## Goal of the exercise
What you return should match the records below exactly.
────────────────
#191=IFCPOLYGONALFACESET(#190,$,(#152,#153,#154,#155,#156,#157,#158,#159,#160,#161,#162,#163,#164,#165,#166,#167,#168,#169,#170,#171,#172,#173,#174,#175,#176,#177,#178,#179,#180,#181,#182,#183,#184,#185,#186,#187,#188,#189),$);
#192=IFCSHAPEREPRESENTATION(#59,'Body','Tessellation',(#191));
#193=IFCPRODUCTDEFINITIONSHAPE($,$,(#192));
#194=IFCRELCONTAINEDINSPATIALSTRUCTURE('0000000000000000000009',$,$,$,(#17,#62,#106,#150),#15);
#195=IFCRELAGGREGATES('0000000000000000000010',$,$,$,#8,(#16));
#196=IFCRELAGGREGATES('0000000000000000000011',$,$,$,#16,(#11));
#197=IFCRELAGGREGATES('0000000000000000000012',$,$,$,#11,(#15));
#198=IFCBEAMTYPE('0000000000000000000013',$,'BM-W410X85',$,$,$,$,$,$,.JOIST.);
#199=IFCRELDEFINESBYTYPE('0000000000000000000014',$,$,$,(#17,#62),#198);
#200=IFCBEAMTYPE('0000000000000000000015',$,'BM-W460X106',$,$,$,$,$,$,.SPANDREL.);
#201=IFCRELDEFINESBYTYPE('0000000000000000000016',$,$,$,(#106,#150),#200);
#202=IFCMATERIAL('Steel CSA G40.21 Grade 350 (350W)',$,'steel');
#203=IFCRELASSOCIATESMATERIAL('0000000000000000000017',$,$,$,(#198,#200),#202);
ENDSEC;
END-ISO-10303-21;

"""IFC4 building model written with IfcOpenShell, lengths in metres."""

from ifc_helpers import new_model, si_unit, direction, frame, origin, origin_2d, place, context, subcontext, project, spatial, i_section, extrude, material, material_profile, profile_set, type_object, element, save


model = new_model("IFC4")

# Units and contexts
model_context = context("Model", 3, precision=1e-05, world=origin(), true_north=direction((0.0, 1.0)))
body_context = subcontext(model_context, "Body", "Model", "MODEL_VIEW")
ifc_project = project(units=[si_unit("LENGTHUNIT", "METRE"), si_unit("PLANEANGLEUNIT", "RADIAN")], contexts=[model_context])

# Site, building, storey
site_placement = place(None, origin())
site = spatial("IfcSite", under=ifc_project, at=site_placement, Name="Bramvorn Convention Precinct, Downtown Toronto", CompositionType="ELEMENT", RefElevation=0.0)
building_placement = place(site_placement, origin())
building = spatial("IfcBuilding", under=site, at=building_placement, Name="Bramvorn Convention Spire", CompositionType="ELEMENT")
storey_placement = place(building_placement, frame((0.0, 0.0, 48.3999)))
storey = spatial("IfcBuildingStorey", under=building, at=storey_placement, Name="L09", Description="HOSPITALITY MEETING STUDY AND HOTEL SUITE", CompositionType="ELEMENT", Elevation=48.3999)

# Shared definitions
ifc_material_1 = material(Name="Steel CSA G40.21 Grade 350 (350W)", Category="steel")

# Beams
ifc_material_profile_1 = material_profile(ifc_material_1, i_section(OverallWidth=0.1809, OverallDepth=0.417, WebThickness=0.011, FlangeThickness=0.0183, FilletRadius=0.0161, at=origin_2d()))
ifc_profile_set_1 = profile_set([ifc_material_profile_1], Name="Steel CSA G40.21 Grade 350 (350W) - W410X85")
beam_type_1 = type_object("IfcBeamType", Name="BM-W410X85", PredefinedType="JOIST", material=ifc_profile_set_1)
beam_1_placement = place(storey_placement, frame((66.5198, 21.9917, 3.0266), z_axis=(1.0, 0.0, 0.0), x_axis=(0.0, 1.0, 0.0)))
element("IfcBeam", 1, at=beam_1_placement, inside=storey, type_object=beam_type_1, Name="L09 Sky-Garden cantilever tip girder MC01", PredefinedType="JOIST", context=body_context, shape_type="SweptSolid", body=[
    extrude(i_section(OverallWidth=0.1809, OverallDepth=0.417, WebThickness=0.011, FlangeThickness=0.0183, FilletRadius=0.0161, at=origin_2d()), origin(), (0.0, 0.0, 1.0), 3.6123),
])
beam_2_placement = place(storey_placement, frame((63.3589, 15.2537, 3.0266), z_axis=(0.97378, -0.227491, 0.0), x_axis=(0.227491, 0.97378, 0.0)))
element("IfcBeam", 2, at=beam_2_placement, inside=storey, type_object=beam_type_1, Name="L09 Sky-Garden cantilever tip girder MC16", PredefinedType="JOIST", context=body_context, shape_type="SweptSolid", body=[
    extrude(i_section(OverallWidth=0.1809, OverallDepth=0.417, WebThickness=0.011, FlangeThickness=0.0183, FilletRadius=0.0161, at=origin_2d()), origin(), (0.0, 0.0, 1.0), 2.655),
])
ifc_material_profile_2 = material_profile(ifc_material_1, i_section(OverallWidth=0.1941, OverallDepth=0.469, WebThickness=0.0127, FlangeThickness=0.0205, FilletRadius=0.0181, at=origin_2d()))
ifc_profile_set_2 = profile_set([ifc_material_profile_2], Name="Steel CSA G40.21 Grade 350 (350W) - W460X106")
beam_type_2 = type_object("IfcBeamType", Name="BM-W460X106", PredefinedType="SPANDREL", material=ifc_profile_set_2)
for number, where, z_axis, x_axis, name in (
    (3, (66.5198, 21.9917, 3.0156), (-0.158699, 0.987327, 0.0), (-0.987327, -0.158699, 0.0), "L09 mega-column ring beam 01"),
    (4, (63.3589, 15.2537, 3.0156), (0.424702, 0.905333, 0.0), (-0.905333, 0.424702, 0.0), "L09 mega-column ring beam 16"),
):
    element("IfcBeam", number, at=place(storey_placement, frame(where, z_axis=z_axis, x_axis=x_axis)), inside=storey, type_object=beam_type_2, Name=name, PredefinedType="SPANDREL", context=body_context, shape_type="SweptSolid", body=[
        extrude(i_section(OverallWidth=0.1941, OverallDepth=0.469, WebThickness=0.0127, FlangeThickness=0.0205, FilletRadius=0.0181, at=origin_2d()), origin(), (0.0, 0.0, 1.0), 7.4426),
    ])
────────────────
## Your response
#191=IFCPOLYGONALFACESET(#190,$,(#152,#153,#154,#155,#156,#157,#158,#159,#160,#161,#162,#163,#164,#165,#166,#167,#168,#169,#170,#171,#172,#173,#174,#175,#176,#177,#178,#179,#180,#181,#182,#183,#184,#185,#186,#187,#188,#189),$);
#192=IFCSHAPEREPRESENTATION(#59,'Body','Tessellation',(#191));
#193=IFCPRODUCTDEFINITIONSHAPE($,$,(#192));
#194=IFCRELCONTAINEDINSPATIALSTRUCTURE('0000000000000000000009',$,$,$,(#17,#62,#106,#150),#15);
#195=IFCRELAGGREGATES('0000000000000000000010',$,$,$,#8,(#16));
#196=IFCRELAGGREGATES('0000000000000000000011',$,$,$,#16,(#11));
#197=IFCRELAGGREGATES('0000000000000000000012',$,$,$,#11,(#15));
#198=IFCBEAMTYPE('0000000000000000000013',$,'BM-W410X85',$,$,$,$,$,$,.JOIST.);
#199=IFCRELDEFINESBYTYPE('0000000000000000000014',$,$,$,(#17,#62),#198);
#200=IFCBEAMTYPE('0000000000000000000015',$,'BM-W460X106',$,$,$,$,$,$,.SPANDREL.);
#201=IFCRELDEFINESBYTYPE('0000000000000000000016',$,$,$,(#106,#150),#200);
#202=IFCMATERIAL('Steel CSA G40.21 Grade 350 (350W)',$,'steel');
#203=IFCRELASSOCIATESMATERIAL('0000000000000000000017',$,$,$,(#198,#200),#202);
ENDSEC;
END-ISO-10303-21;

"""IFC4 building model written with IfcOpenShell, lengths in metres."""

from ifc_helpers import new_model, si_unit, direction, frame, origin, origin_2d, place, context, subcontext, project, spatial, i_section, extrude, material, material_profile, profile_set, type_object, element, save


model = new_model("IFC4")

# Units and contexts
model_context = context("Model", 3, precision=1e-05, world=origin(), true_north=direction((0.0, 1.0)))
body_context = subcontext(model_context, "Body", "Model", "MODEL_VIEW")
ifc_project = project(units=[si_unit("LENGTHUNIT", "METRE"), si_unit("PLANEANGLEUNIT", "RADIAN")], contexts=[model_context])

# Site, building, storey
site_placement = place(None, origin())
site = spatial("IfcSite", under=ifc_project, at=site_placement, Name="Bramvorn Convention Precinct, Downtown Toronto", CompositionType="ELEMENT", RefElevation=0.0)
building_placement = place(site_placement, origin())
building = spatial("IfcBuilding", under=site, at=building_placement, Name="Bramvorn Convention Spire", CompositionType="ELEMENT")
storey_placement = place(building_placement, frame((0.0, 0.0, 48.3999)))
storey = spatial("IfcBuildingStorey", under=building, at=storey_placement, Name="L09", Description="HOSPITALITY MEETING STUDY AND HOTEL SUITE", CompositionType="ELEMENT", Elevation=48.3999)

# Shared definitions
ifc_material_1 = material(Name="Steel CSA G40.21 Grade 350 (350W)", Category="steel")

# Beams
ifc_material_profile_1 = material_profile(ifc_material_1, i_section(OverallWidth=0.1809, OverallDepth=0.417, WebThickness=0.011, FlangeThickness=0.0183, FilletRadius=0.0161, at=origin_2d()))
ifc_profile_set_1 = profile_set([ifc_material_profile_1], Name="Steel CSA G40.21 Grade 350 (350W) - W410X85")
beam_type_1 = type_object("IfcBeamType", Name="BM-W410X85", PredefinedType="JOIST", material=ifc_profile_set_1)
beam_1_placement = place(storey_placement, frame((66.5198, 21.9917, 3.0266), z_axis=(1.0, 0.0, 0.0), x_axis=(0.0, 1.0, 0.0)))
element("IfcBeam", 1, at=beam_1_placement, inside=storey, type_object=beam_type_1, Name="L09 Sky-Garden cantilever tip girder MC01", PredefinedType="JOIST", context=body_context, shape_type="SweptSolid", body=[
    extrude(i_section(OverallWidth=0.1809, OverallDepth=0.417, WebThickness=0.011, FlangeThickness=0.0183, FilletRadius=0.0161, at=origin_2d()), origin(), (0.0, 0.0, 1.0), 3.6123),
])
beam_2_placement = place(storey_placement, frame((63.3589, 15.2537, 3.0266), z_axis=(0.97378, -0.227491, 0.0), x_axis=(0.227491, 0.97378, 0.0)))
element("IfcBeam", 2, at=beam_2_placement, inside=storey, type_object=beam_type_1, Name="L09 Sky-Garden cantilever tip girder MC16", PredefinedType="JOIST", context=body_context, shape_type="SweptSolid", body=[
    extrude(i_section(OverallWidth=0.1809, OverallDepth=0.417, WebThickness=0.011, FlangeThickness=0.0183, FilletRadius=0.0161, at=origin_2d()), origin(), (0.0, 0.0, 1.0), 2.655),
])
ifc_material_profile_2 = material_profile(ifc_material_1, i_section(OverallWidth=0.1941, OverallDepth=0.469, WebThickness=0.0127, FlangeThickness=0.0205, FilletRadius=0.0181, at=origin_2d()))
ifc_profile_set_2 = profile_set([ifc_material_profile_2], Name="Steel CSA G40.21 Grade 350 (350W) - W460X106")
beam_type_2 = type_object("IfcBeamType", Name="BM-W460X106", PredefinedType="SPANDREL", material=ifc_profile_set_2)
for number, where, z_axis, x_axis, name in (
    (3, (66.5198, 21.9917, 3.0156), (-0.158699, 0.987327, 0.0), (-0.987327, -0.158699, 0.0), "L09 mega-column ring beam 01"),
    (4, (63.3589, 15.2537, 3.0156), (0.424702, 0.905333, 0.0), (-0.905333, 0.424702, 0.0), "L09 mega-column ring beam 16"),
):
    element("IfcBeam", number, at=place(storey_placement, frame(where, z_axis=z_axis, x_axis=x_axis)), inside=storey, type_object=beam_type_2, Name=name, PredefinedType="SPANDREL", context=body_context, shape_type="SweptSolid", body=[
        extrude(i_section(OverallWidth=0.1941, OverallDepth=0.469, WebThickness=0.0127, FlangeThickness=0.0205, FilletRadius=0.0181, at=origin_2d()), origin(), (0.0, 0.0, 1.0), 7.4426),
    ])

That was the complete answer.